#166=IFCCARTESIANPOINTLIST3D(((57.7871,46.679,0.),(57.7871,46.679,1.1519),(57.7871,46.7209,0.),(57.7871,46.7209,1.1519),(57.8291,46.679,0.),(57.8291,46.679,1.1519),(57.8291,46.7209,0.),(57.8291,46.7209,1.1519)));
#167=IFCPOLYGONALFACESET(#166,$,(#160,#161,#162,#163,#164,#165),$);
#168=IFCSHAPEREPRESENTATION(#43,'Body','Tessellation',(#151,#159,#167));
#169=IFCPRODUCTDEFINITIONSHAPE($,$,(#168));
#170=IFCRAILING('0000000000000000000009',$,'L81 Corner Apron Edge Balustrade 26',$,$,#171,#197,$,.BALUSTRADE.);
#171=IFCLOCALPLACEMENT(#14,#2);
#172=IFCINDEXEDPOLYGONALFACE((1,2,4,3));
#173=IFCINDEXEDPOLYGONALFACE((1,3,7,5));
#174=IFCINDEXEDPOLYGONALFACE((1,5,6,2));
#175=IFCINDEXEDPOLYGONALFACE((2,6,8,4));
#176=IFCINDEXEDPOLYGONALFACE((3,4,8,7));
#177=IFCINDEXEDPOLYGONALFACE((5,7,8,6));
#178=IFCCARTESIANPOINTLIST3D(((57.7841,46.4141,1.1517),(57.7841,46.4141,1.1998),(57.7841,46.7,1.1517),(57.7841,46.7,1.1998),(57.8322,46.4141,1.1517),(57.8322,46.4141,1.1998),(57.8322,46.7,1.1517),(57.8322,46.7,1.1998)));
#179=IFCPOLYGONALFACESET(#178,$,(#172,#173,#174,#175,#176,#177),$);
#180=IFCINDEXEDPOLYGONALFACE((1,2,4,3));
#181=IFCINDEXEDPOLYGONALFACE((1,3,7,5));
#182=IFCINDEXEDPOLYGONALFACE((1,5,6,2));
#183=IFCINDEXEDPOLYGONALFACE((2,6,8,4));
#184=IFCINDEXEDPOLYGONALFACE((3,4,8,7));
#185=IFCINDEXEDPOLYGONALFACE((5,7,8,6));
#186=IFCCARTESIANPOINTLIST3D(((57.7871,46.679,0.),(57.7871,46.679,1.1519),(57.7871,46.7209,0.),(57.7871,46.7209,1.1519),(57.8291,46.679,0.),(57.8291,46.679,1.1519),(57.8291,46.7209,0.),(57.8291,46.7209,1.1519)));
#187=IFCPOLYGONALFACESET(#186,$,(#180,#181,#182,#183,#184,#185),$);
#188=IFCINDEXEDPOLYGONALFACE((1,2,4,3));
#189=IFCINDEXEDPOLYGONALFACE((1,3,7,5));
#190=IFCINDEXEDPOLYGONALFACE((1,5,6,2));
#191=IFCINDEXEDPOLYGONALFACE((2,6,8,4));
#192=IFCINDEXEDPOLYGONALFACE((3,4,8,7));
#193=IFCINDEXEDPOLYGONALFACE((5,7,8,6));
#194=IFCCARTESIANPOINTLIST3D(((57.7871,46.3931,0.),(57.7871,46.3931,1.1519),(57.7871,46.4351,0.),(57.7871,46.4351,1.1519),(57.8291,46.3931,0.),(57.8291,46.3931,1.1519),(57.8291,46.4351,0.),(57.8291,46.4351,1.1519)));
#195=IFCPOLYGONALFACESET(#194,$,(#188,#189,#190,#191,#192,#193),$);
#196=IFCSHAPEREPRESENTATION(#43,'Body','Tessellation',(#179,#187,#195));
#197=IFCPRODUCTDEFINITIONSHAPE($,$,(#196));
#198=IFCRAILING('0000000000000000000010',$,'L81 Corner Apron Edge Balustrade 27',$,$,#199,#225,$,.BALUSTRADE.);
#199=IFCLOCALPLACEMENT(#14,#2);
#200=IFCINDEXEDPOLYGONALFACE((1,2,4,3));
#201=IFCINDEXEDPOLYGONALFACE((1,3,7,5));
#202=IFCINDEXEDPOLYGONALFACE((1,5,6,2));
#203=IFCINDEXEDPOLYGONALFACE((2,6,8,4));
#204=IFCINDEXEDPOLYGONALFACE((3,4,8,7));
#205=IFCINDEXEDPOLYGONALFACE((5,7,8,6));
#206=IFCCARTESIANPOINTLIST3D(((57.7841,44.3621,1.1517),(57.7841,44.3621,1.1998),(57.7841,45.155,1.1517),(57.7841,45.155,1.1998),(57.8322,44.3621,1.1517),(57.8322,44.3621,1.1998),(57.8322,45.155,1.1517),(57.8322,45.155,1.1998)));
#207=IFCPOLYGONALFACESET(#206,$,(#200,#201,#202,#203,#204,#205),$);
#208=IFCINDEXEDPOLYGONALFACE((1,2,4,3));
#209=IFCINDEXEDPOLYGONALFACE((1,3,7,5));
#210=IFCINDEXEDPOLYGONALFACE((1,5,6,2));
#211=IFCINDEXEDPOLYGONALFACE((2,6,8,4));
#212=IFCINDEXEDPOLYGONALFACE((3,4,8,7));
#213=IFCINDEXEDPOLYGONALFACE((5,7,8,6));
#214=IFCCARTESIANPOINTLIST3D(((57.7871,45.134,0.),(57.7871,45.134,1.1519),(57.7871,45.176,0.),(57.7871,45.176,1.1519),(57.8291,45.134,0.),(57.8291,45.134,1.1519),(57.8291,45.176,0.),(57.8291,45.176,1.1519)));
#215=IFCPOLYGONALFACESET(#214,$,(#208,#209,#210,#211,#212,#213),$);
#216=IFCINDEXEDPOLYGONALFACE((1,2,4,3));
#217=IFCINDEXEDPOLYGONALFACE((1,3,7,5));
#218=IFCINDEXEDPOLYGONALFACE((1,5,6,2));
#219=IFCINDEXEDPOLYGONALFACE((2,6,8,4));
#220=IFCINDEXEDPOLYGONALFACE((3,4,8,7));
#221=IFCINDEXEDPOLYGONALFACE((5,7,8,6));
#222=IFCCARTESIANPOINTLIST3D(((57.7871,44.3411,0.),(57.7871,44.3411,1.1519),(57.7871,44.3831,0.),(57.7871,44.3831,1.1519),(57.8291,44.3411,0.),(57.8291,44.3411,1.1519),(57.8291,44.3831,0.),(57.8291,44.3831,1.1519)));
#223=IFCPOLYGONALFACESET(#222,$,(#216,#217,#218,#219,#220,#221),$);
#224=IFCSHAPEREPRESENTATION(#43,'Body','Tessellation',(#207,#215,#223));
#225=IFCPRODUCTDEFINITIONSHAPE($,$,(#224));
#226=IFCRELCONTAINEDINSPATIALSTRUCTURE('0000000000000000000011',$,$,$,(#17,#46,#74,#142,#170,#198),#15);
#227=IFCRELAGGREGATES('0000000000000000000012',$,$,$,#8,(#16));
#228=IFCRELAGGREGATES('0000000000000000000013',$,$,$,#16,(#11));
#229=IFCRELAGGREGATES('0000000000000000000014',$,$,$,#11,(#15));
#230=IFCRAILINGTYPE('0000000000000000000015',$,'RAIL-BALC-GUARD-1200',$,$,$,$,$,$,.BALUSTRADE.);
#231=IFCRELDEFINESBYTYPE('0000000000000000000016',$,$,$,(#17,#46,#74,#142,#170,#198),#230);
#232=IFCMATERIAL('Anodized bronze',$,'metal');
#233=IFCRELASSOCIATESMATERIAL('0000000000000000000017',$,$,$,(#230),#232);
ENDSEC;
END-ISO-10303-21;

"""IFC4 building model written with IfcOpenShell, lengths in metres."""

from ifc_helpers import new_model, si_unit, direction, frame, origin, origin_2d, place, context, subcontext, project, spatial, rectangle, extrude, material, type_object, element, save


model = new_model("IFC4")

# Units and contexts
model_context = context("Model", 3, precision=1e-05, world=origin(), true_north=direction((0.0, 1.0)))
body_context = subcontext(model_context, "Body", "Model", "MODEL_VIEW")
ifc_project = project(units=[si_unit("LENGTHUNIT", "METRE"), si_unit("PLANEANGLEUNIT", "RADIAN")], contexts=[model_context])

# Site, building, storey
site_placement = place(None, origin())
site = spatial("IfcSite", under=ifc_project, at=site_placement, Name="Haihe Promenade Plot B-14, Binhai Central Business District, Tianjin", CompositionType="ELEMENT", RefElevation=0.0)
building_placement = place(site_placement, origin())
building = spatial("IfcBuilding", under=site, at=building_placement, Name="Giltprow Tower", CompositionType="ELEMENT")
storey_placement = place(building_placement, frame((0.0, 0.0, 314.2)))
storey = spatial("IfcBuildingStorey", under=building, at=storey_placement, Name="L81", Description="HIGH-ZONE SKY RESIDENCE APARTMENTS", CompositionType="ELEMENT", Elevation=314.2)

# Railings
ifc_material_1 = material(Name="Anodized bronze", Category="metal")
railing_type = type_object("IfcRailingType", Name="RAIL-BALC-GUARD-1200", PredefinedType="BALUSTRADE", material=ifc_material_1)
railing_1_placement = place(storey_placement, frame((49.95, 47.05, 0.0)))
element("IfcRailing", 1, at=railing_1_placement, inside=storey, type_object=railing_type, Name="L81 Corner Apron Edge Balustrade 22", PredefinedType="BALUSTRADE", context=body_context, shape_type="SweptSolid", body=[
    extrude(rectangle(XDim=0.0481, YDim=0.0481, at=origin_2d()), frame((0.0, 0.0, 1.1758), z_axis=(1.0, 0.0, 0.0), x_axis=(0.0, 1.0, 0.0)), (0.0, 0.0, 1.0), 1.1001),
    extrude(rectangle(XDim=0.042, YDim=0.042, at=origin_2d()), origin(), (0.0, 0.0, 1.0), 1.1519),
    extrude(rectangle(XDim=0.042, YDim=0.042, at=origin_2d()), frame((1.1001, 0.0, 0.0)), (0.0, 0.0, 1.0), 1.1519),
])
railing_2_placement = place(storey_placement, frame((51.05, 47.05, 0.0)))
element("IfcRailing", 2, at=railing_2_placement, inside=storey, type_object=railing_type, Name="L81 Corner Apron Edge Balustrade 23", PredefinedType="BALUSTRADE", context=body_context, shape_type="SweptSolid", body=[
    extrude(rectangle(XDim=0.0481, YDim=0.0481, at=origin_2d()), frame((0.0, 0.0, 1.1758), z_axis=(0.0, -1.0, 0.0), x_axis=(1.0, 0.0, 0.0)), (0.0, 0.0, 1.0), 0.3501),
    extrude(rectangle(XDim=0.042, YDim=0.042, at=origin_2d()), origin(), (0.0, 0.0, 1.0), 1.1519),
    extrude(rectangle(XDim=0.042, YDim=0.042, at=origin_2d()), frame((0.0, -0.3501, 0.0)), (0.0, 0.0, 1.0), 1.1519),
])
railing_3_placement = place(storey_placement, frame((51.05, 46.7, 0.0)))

## Exercise instructions
The lines above from the one with "#180=IFCINDEXEDPOLYGONALFACE((1,2,4,3));" through the one with "#185=IFCINDEXEDPOLYGONALFACE((5,7,8,6));" are to be duplicated exactly, ends included, with nothing added.

## Response to this task
#180=IFCINDEXEDPOLYGONALFACE((1,2,4,3));
#181=IFCINDEXEDPOLYGONALFACE((1,3,7,5));
#182=IFCINDEXEDPOLYGONALFACE((1,5,6,2));
#183=IFCINDEXEDPOLYGONALFACE((2,6,8,4));
#184=IFCINDEXEDPOLYGONALFACE((3,4,8,7));
#185=IFCINDEXEDPOLYGONALFACE((5,7,8,6));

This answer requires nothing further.